= Exercise aim =
Find all lines in the records that include the word "Tower", and copy them out.

Stored items
+++++
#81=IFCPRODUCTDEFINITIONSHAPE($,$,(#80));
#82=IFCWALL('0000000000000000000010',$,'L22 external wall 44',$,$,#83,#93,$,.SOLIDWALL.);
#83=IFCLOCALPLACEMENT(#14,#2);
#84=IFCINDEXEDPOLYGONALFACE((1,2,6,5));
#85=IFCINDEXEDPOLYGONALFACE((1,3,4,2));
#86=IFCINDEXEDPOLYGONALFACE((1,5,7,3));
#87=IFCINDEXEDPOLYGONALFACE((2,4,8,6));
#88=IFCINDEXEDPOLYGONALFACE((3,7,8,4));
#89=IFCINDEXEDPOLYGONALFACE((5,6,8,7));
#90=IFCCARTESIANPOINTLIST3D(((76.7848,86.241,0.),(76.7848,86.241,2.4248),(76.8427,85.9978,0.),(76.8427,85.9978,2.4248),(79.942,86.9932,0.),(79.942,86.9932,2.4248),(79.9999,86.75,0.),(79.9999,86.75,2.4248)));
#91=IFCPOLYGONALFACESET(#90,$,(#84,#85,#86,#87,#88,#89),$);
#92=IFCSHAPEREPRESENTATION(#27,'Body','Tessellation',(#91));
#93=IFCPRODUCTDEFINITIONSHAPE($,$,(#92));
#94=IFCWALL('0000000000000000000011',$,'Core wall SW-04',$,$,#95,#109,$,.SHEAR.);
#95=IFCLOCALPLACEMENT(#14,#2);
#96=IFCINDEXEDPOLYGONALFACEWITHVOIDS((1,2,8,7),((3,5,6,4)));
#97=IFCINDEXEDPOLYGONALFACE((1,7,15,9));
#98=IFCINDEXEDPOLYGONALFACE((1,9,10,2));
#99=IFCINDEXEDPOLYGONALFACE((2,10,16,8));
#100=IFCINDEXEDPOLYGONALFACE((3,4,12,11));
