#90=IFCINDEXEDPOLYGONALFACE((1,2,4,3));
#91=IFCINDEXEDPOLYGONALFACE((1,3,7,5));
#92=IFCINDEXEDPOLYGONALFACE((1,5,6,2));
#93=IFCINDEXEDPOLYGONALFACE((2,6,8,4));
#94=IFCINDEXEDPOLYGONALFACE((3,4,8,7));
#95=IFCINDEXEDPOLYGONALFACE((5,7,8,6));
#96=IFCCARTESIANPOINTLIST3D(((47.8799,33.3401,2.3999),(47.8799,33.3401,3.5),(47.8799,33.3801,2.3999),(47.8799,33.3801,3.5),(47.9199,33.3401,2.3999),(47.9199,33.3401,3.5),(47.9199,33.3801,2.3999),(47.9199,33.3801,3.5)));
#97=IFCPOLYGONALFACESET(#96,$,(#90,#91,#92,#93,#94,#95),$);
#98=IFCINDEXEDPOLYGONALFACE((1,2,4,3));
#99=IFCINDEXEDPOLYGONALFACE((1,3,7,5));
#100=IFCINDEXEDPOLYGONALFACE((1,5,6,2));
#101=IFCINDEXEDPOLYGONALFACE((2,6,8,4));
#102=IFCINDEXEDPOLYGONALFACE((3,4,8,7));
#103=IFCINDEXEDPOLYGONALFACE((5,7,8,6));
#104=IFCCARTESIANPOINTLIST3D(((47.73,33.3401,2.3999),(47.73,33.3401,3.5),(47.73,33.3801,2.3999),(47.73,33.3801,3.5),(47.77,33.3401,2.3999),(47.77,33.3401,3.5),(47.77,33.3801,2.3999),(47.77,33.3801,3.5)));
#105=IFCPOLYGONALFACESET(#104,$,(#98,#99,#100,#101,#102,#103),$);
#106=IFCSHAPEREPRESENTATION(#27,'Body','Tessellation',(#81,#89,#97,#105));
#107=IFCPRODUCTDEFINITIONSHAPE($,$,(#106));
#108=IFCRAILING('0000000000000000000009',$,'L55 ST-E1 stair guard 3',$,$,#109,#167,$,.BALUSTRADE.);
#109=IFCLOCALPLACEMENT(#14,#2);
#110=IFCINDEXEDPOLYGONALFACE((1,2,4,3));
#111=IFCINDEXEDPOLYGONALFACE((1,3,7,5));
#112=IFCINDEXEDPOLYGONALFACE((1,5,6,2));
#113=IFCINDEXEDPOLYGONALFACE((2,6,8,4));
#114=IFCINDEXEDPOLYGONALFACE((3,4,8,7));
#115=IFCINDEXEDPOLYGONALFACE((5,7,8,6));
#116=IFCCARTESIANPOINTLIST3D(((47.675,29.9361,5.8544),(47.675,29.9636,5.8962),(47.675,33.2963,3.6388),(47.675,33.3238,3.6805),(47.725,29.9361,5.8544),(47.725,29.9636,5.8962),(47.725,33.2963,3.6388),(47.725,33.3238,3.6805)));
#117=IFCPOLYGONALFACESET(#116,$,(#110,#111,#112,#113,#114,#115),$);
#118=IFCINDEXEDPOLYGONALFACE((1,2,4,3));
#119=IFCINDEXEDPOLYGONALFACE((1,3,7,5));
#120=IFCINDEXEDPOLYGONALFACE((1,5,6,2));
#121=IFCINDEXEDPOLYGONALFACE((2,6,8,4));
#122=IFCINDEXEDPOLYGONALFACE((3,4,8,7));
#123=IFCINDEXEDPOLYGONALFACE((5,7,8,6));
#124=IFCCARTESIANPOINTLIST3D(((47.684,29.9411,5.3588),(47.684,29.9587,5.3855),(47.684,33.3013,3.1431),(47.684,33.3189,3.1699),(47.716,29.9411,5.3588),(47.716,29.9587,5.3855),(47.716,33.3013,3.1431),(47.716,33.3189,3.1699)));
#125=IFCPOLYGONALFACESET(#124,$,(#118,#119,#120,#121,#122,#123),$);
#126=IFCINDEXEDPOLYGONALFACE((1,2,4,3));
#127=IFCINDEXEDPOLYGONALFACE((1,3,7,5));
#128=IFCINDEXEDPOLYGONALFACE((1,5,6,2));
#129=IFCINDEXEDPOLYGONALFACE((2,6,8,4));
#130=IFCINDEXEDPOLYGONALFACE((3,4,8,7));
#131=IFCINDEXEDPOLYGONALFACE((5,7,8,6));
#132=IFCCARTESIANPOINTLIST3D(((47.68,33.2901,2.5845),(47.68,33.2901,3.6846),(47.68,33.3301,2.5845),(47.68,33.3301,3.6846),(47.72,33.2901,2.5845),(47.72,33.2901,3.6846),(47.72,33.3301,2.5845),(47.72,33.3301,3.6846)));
+++++
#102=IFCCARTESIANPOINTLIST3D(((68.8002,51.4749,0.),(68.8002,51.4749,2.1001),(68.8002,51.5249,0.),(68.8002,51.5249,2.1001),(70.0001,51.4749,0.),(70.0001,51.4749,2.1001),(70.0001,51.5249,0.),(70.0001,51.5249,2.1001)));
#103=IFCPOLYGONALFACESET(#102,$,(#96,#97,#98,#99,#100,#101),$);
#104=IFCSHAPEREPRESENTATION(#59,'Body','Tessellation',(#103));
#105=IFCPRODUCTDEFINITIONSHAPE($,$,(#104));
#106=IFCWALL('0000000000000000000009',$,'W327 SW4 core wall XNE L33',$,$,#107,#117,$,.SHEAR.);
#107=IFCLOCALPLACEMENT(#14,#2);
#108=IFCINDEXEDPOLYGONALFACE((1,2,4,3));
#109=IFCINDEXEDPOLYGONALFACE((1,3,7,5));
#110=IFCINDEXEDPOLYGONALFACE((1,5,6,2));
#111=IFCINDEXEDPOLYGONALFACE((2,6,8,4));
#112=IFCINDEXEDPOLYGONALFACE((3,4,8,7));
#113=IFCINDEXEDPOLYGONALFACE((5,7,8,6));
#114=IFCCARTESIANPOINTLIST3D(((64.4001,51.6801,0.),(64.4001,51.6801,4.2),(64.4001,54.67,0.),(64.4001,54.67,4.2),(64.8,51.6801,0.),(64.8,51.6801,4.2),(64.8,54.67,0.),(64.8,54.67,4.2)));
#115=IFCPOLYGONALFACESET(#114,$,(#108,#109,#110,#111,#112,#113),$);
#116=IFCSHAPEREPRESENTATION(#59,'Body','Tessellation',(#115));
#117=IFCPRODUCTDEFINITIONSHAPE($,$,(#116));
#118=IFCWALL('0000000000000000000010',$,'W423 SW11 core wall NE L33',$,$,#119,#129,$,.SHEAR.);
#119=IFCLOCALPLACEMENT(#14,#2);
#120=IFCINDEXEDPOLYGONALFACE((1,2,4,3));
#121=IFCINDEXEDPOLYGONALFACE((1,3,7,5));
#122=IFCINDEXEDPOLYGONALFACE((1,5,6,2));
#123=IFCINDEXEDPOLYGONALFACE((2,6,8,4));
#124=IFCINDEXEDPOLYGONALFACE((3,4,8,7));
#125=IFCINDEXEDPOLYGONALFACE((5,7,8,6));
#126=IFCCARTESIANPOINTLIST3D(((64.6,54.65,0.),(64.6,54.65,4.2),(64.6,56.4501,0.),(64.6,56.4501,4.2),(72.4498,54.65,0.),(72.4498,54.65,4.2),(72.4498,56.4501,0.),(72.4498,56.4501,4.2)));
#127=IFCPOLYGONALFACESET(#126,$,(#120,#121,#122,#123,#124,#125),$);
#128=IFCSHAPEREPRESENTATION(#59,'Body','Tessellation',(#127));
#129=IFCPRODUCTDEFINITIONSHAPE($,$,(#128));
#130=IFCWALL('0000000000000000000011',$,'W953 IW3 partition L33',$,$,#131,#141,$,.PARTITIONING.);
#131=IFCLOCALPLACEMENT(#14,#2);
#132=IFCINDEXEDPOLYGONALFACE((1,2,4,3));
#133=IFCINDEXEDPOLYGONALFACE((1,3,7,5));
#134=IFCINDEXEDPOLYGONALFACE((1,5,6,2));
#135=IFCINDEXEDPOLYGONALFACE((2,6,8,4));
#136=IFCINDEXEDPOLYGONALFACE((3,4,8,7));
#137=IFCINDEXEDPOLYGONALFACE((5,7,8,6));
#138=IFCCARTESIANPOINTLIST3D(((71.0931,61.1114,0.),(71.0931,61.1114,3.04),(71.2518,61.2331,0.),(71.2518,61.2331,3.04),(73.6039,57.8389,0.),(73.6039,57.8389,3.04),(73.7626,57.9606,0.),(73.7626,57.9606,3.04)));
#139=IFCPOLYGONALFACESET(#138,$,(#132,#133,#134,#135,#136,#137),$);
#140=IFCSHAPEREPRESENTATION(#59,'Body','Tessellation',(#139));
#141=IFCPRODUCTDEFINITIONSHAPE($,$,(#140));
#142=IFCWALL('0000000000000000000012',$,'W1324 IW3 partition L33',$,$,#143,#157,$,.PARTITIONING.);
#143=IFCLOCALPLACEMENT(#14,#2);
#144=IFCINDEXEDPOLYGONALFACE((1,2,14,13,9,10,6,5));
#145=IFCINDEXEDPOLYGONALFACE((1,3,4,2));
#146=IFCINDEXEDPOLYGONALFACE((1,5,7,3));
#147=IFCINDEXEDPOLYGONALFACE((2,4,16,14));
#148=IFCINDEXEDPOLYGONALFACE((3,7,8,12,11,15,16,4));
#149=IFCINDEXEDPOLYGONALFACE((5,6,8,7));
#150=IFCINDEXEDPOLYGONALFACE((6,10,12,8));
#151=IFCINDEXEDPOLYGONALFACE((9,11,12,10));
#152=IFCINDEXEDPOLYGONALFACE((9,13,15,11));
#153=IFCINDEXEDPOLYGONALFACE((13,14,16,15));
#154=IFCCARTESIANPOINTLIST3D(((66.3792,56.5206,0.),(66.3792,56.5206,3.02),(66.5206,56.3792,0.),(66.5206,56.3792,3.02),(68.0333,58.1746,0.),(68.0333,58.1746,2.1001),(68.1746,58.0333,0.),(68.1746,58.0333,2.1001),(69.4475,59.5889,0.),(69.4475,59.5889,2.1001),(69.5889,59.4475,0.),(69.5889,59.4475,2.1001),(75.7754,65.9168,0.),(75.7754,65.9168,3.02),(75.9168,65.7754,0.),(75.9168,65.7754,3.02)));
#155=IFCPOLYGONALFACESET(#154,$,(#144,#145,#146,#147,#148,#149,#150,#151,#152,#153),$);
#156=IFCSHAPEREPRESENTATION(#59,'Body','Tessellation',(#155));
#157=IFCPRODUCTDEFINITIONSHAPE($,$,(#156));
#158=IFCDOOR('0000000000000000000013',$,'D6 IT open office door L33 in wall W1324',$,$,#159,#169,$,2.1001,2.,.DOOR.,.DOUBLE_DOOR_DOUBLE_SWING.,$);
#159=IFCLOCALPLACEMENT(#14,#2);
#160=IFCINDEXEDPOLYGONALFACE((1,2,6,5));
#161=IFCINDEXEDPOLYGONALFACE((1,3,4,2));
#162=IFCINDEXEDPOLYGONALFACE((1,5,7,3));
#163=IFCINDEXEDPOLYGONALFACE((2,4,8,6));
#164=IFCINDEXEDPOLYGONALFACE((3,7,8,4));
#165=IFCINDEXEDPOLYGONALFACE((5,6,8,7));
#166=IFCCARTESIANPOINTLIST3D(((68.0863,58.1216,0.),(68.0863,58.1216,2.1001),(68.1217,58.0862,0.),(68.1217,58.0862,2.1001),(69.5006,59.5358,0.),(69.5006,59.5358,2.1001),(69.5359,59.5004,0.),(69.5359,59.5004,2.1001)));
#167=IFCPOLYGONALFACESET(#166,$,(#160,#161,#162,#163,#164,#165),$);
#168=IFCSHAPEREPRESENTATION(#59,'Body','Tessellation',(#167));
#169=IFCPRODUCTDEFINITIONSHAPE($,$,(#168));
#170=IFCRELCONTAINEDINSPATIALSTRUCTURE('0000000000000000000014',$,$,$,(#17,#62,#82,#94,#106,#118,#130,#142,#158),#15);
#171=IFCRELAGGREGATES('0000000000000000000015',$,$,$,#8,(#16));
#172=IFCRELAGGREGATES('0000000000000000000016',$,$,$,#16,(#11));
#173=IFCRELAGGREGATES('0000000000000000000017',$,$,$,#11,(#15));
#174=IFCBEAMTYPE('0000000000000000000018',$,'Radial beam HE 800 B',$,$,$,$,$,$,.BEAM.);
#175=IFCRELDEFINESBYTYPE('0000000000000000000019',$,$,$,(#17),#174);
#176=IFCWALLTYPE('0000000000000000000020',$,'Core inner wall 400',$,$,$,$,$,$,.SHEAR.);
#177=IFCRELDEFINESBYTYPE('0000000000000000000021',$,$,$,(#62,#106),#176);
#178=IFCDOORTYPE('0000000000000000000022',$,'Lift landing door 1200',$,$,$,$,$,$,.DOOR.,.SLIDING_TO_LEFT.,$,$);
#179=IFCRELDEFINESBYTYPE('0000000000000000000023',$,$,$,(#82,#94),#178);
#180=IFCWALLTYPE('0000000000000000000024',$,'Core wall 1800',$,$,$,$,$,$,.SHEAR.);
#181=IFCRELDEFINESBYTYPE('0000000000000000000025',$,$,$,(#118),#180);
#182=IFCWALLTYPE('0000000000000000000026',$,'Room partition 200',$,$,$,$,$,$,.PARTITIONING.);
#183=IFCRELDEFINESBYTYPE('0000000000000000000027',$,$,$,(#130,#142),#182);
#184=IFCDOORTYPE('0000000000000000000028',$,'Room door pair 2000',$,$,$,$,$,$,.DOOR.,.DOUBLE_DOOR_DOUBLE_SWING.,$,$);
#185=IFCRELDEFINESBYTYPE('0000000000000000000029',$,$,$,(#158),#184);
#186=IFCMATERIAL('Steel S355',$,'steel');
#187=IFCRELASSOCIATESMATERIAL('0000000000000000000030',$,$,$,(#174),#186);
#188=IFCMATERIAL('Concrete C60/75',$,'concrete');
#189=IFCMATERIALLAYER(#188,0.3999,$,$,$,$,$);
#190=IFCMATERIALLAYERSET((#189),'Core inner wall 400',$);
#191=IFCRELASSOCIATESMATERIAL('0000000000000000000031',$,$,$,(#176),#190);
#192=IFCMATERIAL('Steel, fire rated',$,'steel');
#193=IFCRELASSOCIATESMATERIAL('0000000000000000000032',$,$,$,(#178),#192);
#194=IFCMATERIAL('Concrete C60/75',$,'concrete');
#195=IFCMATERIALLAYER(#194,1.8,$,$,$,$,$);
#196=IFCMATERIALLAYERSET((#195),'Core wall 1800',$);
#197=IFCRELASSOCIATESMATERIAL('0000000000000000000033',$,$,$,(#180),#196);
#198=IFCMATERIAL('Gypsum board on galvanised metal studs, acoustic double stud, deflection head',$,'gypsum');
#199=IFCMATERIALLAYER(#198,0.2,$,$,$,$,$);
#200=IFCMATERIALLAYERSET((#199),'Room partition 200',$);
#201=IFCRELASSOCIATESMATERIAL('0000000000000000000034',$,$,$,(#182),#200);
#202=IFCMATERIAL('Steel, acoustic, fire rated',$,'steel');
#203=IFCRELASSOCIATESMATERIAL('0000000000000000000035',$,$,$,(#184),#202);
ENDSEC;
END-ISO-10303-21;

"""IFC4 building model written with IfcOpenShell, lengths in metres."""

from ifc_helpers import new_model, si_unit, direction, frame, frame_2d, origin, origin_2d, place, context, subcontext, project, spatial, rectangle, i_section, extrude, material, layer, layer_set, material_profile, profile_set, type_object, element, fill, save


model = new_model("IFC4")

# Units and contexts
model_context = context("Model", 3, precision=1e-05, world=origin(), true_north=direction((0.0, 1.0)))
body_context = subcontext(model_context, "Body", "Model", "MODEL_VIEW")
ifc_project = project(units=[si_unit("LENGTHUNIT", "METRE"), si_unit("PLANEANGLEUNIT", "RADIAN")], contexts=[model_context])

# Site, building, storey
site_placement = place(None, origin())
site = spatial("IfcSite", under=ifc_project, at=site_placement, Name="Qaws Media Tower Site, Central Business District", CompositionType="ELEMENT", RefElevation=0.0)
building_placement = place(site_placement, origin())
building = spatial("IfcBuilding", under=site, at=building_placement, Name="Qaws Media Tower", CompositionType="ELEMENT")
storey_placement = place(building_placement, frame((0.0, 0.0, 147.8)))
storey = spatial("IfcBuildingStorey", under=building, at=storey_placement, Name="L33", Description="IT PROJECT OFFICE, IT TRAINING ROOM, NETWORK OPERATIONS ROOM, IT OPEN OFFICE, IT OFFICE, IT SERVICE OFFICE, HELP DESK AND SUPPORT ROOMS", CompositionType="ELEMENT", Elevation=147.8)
+++++
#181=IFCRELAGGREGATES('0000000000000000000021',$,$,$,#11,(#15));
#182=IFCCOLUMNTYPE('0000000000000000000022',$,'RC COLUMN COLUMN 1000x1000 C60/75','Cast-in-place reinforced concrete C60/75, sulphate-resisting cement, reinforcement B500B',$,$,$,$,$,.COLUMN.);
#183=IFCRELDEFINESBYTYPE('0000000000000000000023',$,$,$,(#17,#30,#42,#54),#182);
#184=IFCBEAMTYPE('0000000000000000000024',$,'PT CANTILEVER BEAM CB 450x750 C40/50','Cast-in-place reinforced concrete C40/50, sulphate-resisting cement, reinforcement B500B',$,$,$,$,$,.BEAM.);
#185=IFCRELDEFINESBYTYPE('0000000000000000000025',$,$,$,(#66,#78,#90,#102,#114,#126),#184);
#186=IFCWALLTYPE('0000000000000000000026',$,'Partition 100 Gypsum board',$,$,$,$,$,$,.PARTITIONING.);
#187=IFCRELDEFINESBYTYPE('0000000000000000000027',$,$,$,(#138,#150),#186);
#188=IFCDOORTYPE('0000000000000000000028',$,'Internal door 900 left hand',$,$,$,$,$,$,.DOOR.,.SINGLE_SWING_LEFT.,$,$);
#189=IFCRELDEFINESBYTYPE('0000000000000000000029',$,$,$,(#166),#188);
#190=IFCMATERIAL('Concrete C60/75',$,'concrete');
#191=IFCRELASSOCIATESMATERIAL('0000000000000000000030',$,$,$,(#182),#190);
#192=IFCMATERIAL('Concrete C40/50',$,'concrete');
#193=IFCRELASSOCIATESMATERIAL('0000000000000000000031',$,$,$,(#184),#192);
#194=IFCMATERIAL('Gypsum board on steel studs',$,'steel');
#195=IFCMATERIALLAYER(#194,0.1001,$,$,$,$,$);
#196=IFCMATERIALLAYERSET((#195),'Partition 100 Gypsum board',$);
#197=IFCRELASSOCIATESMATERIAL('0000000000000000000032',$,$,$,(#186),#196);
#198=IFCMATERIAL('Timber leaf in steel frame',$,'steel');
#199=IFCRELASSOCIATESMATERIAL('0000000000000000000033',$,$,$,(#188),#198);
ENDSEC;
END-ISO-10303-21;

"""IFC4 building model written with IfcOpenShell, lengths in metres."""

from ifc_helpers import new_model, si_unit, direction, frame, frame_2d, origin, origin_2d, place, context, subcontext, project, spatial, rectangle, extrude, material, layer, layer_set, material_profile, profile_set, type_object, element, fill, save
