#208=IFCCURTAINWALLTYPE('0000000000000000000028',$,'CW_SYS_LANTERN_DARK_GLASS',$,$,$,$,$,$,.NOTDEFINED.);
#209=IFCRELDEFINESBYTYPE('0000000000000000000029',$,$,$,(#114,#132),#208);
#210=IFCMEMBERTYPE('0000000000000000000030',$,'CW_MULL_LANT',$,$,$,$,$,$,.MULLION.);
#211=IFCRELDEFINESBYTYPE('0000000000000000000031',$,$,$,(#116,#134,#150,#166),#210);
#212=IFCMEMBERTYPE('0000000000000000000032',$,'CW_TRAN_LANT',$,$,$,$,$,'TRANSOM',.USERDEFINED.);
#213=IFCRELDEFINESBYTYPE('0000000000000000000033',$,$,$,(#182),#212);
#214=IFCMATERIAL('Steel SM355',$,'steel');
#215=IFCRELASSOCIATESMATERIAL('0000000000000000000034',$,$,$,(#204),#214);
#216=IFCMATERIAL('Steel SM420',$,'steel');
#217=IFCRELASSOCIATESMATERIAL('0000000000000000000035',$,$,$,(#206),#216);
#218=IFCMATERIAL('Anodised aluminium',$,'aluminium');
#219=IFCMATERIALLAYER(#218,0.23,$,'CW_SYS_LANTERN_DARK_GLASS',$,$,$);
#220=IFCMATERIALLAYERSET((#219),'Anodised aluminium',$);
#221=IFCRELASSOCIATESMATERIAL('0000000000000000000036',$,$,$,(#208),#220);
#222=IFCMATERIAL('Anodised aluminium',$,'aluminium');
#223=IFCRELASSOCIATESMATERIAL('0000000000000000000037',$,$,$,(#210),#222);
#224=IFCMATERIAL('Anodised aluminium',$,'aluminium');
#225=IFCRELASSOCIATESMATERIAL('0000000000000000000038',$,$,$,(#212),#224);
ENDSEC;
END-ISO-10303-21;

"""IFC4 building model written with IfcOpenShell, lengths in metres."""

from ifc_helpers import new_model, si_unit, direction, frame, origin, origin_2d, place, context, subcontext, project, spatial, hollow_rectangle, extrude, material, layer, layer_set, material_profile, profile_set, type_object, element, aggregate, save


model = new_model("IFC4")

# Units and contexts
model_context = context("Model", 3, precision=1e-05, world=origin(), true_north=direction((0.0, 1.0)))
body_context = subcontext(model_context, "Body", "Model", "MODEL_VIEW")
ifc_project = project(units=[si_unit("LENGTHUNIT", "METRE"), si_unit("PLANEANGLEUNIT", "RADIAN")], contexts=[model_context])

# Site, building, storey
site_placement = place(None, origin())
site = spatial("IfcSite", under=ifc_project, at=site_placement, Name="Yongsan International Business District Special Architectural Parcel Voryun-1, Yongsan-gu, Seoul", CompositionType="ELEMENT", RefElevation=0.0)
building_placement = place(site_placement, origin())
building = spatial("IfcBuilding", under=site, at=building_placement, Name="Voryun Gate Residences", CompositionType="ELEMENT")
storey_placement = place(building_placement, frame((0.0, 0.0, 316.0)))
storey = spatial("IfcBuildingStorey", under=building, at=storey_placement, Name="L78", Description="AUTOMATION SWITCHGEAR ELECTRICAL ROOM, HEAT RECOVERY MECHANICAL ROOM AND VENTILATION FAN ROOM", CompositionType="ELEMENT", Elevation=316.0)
+++++
= Task solution =
site = spatial("IfcSite", under=ifc_project, at=site_placement, Name="Qaws Media Tower Site, Central Business District", CompositionType="ELEMENT", RefElevation=0.0)
building = spatial("IfcBuilding", under=site, at=building_placement, Name="Qaws Media Tower", CompositionType="ELEMENT")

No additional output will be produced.